Start of RECORDS PROVIDED
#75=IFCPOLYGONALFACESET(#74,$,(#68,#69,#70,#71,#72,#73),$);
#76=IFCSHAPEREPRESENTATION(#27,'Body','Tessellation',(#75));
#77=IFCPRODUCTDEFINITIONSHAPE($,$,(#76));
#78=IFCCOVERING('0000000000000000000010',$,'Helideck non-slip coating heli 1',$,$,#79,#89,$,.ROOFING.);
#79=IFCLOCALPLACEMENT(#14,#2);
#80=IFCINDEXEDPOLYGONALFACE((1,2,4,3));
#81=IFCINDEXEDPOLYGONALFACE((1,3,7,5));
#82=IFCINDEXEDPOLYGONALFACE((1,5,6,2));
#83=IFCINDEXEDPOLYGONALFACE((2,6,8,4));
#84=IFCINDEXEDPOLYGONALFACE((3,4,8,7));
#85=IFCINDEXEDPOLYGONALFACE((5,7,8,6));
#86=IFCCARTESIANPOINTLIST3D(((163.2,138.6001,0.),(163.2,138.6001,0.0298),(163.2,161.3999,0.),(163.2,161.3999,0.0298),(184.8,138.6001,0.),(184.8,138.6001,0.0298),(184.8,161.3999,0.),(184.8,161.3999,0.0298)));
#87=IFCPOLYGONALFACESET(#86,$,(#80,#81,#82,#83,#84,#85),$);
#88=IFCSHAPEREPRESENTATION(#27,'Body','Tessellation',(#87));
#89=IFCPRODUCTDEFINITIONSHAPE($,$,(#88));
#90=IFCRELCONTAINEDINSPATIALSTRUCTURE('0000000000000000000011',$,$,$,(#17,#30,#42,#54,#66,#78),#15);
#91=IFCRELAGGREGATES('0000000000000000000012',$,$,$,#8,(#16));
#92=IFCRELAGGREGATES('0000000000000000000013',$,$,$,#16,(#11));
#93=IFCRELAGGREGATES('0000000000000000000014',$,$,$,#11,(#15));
End of RECORDS PROVIDED
TASK DESCRIPTION: In the entries above, count each line that holds "Tessellation". Give the total and nothing else.

REPLY TO THE TASK: 2